───── Extracted entries

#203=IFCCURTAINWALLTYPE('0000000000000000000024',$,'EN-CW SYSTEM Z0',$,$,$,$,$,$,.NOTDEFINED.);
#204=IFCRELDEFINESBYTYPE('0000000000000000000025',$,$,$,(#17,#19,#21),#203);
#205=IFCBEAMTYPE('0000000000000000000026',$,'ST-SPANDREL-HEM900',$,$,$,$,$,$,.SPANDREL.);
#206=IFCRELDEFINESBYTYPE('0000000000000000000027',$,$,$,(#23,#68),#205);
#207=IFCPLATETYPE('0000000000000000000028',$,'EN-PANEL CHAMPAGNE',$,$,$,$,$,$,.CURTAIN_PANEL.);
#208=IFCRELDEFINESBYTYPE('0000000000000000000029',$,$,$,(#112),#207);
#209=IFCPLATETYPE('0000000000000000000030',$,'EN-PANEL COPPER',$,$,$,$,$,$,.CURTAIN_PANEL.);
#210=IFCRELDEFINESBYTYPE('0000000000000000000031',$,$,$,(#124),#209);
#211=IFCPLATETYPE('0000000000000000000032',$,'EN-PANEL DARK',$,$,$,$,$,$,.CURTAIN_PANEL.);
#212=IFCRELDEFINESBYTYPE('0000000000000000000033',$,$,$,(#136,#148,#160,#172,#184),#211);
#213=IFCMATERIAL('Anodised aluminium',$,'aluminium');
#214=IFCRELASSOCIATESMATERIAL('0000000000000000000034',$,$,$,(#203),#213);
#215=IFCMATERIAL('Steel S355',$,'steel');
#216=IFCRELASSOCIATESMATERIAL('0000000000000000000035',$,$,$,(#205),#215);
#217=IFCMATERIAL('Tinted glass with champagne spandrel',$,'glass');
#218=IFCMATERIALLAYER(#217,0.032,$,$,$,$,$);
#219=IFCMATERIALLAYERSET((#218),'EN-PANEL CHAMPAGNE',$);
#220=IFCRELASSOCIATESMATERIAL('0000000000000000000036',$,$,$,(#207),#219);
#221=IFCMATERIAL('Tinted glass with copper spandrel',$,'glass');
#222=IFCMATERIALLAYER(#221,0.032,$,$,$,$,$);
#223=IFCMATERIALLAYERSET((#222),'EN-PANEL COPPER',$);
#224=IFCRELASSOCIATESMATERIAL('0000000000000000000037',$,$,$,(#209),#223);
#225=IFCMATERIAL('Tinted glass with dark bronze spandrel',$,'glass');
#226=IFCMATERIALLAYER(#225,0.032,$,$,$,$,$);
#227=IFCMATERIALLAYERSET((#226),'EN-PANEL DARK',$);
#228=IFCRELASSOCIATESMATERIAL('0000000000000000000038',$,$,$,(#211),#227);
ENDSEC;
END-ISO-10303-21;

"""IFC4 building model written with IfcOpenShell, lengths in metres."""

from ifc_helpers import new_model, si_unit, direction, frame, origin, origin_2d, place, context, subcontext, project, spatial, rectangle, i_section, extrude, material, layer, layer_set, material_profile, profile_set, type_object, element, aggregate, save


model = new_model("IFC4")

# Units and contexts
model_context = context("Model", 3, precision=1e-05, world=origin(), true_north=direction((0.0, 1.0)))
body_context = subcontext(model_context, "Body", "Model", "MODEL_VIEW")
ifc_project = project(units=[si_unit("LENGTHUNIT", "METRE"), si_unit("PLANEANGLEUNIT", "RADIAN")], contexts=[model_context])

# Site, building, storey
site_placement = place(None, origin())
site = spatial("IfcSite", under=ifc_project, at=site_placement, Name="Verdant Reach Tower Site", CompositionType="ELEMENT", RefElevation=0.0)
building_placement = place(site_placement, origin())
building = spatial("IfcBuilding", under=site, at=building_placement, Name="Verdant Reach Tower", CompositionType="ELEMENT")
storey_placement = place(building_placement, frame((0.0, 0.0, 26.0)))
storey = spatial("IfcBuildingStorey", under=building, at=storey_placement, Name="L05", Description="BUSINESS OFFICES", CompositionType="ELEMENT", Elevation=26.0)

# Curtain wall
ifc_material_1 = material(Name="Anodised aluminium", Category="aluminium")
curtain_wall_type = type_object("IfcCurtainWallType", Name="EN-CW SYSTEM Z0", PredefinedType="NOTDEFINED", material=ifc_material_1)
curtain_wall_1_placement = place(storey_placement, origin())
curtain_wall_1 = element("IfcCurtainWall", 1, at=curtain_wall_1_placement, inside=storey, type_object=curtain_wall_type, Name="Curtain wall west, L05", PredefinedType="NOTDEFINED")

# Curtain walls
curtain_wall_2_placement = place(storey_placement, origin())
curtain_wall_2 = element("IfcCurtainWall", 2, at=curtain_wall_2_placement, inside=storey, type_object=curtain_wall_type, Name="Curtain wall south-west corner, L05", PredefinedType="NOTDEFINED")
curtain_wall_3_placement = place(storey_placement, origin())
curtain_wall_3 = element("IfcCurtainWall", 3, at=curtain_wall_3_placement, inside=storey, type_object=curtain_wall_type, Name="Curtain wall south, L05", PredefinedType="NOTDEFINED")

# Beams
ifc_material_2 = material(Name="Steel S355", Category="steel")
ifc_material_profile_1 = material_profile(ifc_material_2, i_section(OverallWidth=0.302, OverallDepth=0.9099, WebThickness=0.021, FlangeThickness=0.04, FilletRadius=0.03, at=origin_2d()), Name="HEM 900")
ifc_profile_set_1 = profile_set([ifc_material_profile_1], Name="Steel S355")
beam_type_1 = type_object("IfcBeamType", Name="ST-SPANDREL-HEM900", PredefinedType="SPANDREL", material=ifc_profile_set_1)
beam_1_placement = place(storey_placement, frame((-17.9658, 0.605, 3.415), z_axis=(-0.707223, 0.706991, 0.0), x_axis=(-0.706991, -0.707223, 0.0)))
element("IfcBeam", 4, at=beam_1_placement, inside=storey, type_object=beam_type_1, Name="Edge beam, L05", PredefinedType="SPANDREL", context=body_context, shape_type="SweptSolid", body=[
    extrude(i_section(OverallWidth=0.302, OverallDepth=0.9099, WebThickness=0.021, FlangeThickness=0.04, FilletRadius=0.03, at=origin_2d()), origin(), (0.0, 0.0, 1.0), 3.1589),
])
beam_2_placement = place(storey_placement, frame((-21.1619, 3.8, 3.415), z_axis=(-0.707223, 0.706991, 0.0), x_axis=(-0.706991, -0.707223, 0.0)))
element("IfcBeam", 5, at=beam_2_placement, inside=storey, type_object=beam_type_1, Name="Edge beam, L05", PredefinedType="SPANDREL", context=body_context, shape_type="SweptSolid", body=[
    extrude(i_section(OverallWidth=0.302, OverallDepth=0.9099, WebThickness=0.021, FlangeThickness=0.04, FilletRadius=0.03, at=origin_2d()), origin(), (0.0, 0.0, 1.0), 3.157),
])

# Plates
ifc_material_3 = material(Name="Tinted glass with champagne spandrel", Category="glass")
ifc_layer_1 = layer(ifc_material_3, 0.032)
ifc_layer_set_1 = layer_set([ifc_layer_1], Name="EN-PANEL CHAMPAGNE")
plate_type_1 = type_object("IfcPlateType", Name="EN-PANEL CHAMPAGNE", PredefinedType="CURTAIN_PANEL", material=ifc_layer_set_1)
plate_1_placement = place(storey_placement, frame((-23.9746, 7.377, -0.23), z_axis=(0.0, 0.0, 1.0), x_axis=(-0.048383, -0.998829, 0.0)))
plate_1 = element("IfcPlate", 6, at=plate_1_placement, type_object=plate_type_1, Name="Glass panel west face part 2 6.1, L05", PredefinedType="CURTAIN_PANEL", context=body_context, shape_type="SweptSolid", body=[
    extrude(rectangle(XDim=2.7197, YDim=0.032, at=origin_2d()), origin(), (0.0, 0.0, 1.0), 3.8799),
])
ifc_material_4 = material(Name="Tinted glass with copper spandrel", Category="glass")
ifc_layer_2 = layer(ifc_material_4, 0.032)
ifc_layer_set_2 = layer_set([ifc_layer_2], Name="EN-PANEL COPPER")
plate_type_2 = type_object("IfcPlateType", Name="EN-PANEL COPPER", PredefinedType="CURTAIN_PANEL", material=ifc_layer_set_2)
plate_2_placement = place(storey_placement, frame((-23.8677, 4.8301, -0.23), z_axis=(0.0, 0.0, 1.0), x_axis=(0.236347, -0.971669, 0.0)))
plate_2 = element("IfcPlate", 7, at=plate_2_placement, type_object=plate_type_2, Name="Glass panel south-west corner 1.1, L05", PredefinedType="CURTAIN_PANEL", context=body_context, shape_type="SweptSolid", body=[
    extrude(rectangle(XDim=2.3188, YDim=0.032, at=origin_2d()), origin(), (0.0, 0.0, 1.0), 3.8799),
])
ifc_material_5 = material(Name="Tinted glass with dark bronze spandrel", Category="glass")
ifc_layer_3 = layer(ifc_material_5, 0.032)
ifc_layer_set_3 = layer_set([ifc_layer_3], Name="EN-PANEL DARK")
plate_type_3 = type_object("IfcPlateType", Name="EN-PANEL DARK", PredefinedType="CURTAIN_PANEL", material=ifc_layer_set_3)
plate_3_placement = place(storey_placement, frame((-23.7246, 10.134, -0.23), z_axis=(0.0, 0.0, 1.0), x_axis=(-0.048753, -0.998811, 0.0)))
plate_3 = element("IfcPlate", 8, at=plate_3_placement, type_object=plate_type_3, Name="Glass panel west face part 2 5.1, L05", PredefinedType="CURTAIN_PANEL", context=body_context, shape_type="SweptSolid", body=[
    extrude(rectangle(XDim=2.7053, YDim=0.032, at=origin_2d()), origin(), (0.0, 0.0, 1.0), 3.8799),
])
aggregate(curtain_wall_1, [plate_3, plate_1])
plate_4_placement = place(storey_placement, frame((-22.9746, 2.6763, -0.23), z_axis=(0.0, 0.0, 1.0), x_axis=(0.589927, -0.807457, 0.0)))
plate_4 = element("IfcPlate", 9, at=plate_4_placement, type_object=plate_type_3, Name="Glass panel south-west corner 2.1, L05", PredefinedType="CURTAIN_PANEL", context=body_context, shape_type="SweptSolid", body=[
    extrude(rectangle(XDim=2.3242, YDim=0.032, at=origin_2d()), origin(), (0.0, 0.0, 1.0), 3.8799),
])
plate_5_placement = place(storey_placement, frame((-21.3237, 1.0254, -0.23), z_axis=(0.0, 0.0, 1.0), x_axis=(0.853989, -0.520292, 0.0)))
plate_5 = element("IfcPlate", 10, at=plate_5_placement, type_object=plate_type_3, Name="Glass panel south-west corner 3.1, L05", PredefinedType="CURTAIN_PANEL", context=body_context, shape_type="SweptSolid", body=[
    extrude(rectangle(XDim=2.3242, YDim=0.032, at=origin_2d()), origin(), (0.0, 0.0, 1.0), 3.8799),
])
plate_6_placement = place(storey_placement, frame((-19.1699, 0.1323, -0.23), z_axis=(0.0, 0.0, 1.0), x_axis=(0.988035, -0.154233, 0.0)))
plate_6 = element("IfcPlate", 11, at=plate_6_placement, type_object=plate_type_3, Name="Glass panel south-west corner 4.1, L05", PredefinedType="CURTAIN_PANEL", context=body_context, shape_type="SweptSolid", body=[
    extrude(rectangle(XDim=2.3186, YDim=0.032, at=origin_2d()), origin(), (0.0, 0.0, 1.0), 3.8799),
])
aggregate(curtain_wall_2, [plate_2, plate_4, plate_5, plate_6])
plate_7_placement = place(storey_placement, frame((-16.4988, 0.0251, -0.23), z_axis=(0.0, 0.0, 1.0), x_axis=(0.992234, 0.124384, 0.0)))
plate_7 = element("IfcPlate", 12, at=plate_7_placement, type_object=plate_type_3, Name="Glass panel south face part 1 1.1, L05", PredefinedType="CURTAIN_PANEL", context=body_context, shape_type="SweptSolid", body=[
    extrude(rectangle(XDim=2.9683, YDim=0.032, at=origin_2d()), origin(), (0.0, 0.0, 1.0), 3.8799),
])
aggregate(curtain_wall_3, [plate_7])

──────────

*What the exercise asks*.
Only lines containing the string "Anodised" belong in the answer; find them in the data above and copy them.

*Expected output*.
#213=IFCMATERIAL('Anodised aluminium',$,'aluminium');
ifc_material_1 = material(Name="Anodised aluminium", Category="aluminium")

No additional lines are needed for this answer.